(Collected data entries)
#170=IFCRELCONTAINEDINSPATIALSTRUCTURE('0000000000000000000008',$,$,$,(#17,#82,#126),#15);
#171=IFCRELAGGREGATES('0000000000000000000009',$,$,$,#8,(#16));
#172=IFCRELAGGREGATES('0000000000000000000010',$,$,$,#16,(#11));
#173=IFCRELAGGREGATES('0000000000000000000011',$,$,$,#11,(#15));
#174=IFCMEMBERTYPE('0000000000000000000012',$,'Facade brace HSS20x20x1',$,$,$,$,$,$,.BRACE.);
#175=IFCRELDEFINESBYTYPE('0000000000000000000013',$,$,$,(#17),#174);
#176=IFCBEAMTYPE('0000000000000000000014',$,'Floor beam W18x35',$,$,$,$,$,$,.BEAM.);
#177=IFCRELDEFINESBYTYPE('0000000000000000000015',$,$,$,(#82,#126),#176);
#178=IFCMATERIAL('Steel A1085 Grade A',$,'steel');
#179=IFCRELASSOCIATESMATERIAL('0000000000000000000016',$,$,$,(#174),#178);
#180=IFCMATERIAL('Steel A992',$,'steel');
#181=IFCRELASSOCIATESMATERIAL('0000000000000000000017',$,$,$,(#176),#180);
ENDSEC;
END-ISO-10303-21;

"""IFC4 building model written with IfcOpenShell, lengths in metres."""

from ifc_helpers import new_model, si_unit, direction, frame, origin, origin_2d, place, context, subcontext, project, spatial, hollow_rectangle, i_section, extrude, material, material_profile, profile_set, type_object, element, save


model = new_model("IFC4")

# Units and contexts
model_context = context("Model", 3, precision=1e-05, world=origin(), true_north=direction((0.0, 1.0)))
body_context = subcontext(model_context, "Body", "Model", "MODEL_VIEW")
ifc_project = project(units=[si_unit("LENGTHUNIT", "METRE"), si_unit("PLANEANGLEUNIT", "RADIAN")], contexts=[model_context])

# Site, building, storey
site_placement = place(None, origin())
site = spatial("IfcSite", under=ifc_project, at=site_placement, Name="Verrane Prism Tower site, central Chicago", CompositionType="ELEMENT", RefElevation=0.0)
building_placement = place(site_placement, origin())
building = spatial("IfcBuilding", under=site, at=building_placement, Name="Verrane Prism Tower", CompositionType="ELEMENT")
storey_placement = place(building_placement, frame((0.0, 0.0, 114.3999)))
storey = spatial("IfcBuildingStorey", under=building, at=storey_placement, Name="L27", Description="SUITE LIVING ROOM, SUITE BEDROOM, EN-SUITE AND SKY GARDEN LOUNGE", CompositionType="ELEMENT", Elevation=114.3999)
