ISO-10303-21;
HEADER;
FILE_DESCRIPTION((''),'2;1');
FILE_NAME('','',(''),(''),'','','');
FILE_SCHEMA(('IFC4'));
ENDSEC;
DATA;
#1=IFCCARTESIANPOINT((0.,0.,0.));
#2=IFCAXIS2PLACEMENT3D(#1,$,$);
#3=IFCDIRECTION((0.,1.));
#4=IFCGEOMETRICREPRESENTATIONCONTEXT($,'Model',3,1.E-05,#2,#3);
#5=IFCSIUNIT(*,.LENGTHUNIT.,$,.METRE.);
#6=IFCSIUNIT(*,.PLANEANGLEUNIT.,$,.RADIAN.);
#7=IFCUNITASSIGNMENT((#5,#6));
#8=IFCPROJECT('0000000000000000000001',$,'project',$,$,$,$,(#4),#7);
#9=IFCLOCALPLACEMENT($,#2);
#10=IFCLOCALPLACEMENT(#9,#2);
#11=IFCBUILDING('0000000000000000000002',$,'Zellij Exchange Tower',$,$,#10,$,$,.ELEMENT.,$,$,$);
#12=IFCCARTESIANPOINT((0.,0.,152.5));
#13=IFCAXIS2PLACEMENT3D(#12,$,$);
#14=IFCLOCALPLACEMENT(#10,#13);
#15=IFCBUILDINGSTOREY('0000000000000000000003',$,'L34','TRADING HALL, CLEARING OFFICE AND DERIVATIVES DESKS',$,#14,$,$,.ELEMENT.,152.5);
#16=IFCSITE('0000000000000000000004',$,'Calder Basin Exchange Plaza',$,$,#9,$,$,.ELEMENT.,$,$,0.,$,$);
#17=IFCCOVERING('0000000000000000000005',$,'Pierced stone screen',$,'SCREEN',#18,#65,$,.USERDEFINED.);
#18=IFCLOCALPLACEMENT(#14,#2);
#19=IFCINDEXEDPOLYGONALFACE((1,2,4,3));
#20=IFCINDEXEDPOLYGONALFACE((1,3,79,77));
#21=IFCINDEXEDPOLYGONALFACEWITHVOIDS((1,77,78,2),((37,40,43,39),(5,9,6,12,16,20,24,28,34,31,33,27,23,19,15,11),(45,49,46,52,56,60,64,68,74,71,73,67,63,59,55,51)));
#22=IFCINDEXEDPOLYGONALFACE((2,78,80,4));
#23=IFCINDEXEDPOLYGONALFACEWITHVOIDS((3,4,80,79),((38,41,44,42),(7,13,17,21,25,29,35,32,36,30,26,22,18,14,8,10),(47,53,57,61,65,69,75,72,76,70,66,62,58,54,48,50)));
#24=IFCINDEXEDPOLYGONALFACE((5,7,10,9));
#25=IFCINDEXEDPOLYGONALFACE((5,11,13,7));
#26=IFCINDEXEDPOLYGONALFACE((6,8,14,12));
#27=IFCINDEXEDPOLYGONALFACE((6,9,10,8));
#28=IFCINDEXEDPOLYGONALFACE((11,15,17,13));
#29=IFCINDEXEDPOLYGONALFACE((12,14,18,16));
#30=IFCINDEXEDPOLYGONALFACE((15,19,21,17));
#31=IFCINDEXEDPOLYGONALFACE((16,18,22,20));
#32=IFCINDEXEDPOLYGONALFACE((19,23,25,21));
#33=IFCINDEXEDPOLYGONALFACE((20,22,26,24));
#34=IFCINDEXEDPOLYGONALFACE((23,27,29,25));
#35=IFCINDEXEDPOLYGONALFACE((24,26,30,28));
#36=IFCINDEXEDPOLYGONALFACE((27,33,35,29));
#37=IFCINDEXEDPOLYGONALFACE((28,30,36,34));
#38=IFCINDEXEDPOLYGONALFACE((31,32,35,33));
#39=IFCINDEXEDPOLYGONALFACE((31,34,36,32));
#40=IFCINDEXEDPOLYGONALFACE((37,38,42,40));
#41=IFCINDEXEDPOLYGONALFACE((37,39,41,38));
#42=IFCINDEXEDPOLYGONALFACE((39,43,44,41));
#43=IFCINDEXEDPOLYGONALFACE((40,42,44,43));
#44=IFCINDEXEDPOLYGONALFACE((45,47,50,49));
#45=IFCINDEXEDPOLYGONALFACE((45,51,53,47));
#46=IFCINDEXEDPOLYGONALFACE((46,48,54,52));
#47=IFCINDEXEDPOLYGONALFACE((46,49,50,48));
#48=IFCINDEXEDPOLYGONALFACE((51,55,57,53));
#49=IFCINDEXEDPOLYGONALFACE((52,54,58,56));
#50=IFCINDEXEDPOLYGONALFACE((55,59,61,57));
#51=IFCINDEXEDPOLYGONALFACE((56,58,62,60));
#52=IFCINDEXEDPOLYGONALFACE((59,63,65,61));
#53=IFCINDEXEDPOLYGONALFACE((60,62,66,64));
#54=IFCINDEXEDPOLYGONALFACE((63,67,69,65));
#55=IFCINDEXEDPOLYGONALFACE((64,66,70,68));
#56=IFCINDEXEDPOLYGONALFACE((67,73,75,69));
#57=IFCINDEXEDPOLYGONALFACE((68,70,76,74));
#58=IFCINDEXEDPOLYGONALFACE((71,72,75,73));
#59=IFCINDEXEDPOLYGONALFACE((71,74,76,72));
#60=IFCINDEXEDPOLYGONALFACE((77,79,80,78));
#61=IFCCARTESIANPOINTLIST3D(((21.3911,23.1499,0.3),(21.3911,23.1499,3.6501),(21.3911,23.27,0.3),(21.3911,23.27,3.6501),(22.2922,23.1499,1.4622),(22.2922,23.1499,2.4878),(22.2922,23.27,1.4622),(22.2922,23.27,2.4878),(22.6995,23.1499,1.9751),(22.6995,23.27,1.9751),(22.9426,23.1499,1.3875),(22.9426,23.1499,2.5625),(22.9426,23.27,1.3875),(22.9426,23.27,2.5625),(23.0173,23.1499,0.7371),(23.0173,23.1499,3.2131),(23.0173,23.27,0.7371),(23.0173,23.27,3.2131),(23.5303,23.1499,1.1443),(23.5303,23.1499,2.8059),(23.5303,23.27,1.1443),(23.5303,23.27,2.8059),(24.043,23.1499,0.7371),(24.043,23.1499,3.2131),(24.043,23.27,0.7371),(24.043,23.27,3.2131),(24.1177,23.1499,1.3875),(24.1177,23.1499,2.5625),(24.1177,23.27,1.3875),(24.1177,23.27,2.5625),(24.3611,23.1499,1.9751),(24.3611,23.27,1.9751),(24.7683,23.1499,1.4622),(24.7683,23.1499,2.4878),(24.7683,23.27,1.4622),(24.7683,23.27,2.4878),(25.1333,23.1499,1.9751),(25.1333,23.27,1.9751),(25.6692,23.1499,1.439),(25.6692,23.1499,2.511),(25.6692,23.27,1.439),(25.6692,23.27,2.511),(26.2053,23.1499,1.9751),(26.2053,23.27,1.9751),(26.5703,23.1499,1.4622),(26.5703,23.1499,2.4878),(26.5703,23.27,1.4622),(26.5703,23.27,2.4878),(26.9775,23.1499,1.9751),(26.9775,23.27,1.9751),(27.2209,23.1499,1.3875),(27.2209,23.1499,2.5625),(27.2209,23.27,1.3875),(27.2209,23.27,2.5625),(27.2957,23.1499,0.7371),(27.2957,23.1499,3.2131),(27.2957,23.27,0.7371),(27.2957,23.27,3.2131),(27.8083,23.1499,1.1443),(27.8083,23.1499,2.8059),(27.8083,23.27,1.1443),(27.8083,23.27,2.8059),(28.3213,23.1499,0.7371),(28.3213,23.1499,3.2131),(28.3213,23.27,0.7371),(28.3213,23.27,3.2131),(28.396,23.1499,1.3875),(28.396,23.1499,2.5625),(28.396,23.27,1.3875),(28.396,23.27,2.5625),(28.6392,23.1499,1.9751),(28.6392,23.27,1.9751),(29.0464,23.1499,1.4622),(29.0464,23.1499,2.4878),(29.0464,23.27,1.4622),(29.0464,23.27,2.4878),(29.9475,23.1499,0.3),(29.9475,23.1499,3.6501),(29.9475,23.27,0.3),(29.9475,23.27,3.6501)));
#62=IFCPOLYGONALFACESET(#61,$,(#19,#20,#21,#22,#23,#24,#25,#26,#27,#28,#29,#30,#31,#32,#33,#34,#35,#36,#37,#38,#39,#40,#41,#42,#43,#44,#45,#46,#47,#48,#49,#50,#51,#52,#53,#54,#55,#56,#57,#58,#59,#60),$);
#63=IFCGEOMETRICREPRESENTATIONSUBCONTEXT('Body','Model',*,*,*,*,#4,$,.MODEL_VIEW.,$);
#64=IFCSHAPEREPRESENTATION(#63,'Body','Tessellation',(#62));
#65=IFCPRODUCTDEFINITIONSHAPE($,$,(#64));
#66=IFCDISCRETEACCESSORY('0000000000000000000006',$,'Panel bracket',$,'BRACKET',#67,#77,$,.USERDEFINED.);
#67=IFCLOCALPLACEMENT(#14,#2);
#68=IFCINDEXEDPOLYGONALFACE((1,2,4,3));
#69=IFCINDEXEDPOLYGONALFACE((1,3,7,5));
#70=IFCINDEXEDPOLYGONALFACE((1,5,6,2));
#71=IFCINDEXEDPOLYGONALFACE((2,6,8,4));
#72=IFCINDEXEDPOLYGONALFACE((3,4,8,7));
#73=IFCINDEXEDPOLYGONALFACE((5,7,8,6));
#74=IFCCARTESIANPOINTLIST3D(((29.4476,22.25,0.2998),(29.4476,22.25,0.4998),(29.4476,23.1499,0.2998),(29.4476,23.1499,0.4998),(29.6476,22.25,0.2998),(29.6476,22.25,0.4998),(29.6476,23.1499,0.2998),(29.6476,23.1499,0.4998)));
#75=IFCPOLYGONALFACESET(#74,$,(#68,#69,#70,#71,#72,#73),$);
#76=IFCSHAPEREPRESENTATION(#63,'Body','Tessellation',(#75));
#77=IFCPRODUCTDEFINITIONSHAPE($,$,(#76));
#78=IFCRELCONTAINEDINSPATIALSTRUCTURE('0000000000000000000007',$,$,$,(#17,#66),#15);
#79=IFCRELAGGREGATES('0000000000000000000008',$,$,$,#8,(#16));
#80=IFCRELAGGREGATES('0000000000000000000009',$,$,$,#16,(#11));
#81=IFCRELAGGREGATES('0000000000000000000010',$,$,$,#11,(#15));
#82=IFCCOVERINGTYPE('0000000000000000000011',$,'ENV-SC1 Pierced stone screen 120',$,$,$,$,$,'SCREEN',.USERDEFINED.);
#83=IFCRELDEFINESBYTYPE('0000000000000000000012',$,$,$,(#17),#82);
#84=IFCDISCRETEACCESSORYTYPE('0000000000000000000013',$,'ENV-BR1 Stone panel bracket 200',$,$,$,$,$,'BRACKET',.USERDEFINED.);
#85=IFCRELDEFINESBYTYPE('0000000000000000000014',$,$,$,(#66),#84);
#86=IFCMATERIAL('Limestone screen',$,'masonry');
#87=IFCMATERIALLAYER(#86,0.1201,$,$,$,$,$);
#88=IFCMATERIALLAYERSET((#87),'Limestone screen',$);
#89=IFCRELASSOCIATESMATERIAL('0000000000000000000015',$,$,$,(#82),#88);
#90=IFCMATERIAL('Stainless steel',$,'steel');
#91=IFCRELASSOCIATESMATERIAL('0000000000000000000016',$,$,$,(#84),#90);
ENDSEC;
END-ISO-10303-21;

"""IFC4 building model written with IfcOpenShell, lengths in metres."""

from ifc_helpers import new_model, si_unit, direction, frame, origin, origin_2d, place, context, subcontext, project, spatial, polyline, rectangle, outline, extrude, material, layer, layer_set, type_object, element, save


model = new_model("IFC4")

# Units and contexts
model_context = context("Model", 3, precision=1e-05, world=origin(), true_north=direction((0.0, 1.0)))
body_context = subcontext(model_context, "Body", "Model", "MODEL_VIEW")
ifc_project = project(units=[si_unit("LENGTHUNIT", "METRE"), si_unit("PLANEANGLEUNIT", "RADIAN")], contexts=[model_context])

# Site, building, storey
site_placement = place(None, origin())
site = spatial("IfcSite", under=ifc_project, at=site_placement, Name="Calder Basin Exchange Plaza", CompositionType="ELEMENT", RefElevation=0.0)
building_placement = place(site_placement, origin())
building = spatial("IfcBuilding", under=site, at=building_placement, Name="Zellij Exchange Tower", CompositionType="ELEMENT")
storey_placement = place(building_placement, frame((0.0, 0.0, 152.5)))
storey = spatial("IfcBuildingStorey", under=building, at=storey_placement, Name="L34", Description="TRADING HALL, CLEARING OFFICE AND DERIVATIVES DESKS", CompositionType="ELEMENT", Elevation=152.5)

# Covering
ifc_material_1 = material(Name="Limestone screen", Category="masonry")
ifc_layer_1 = layer(ifc_material_1, 0.1201)
ifc_layer_set_1 = layer_set([ifc_layer_1], Name="Limestone screen")
covering_type = type_object("IfcCoveringType", Name="ENV-SC1 Pierced stone screen 120", ElementType="SCREEN", PredefinedType="USERDEFINED", material=ifc_layer_set_1)
covering_placement = place(storey_placement, frame((29.9475, 23.21, 0.3), z_axis=(0.0, 0.0, 1.0), x_axis=(-1.0, 0.0, 0.0)))
element("IfcCovering", 1, at=covering_placement, inside=storey, type_object=covering_type, Name="Pierced stone screen", ObjectType="SCREEN", PredefinedType="USERDEFINED", context=body_context, shape_type="SweptSolid", body=[
    extrude(outline(polyline([(0.0, 0.0), (8.5564, 0.0), (8.5564, 3.3501), (0.0, 3.3501), (0.0, 0.0)]), holes=[polyline([(3.3772, 2.1877), (2.7266, 2.2625), (2.6519, 2.9131), (2.1392, 2.5059), (1.6262, 2.9131), (1.5515, 2.2625), (0.9011, 2.1877), (1.3083, 1.675), (0.9011, 1.1621), (1.5515, 1.0874), (1.6262, 0.437), (2.1392, 0.8442), (2.6519, 0.437), (2.7266, 1.0874), (3.3772, 1.1621), (2.97, 1.675), (3.3772, 2.1877)]), polyline([(7.6553, 2.1877), (7.0049, 2.2625), (6.9302, 2.9131), (6.4172, 2.5059), (5.9045, 2.9131), (5.8298, 2.2625), (5.1792, 2.1877), (5.5864, 1.675), (5.1792, 1.1621), (5.8298, 1.0874), (5.9045, 0.437), (6.4172, 0.8442), (6.9302, 0.437), (7.0049, 1.0874), (7.6553, 1.1621), (7.248, 1.675), (7.6553, 2.1877)]), polyline([(4.8142, 1.675), (4.2783, 2.2109), (3.7422, 1.675), (4.2783, 1.1389), (4.8142, 1.675)])]), frame((0.0, 0.0601, 0.0), z_axis=(0.0, -1.0, 0.0), x_axis=(1.0, 0.0, 0.0)), (0.0, 0.0, 1.0), 0.1201),
])

# Discrete accessory
ifc_material_2 = material(Name="Stainless steel", Category="steel")
discrete_accessory_type = type_object("IfcDiscreteAccessoryType", Name="ENV-BR1 Stone panel bracket 200", ElementType="BRACKET", PredefinedType="USERDEFINED", material=ifc_material_2)
discrete_accessory_placement = place(storey_placement, frame((29.5476, 22.7, 0.2998), z_axis=(0.0, 0.0, 1.0), x_axis=(-1.0, 0.0, 0.0)))
element("IfcDiscreteAccessory", 2, at=discrete_accessory_placement, inside=storey, type_object=discrete_accessory_type, Name="Panel bracket", ObjectType="BRACKET", PredefinedType="USERDEFINED", context=body_context, shape_type="SweptSolid", body=[
    extrude(rectangle(XDim=0.2, YDim=0.8999, at=origin_2d()), origin(), (0.0, 0.0, 1.0), 0.2),
])

save(model, "model.ifc")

### YOUR INSTRUCTIONS
Read the entries above, then pull out the lines that include "Verrane".

### RESPONSE TO THE TASK
site = spatial("IfcSite", under=ifc_project, at=site_placement, Name="Verrane Prism Tower site, central Chicago", CompositionType="ELEMENT", RefElevation=0.0)
building = spatial("IfcBuilding", under=site, at=building_placement, Name="Verrane Prism Tower", CompositionType="ELEMENT")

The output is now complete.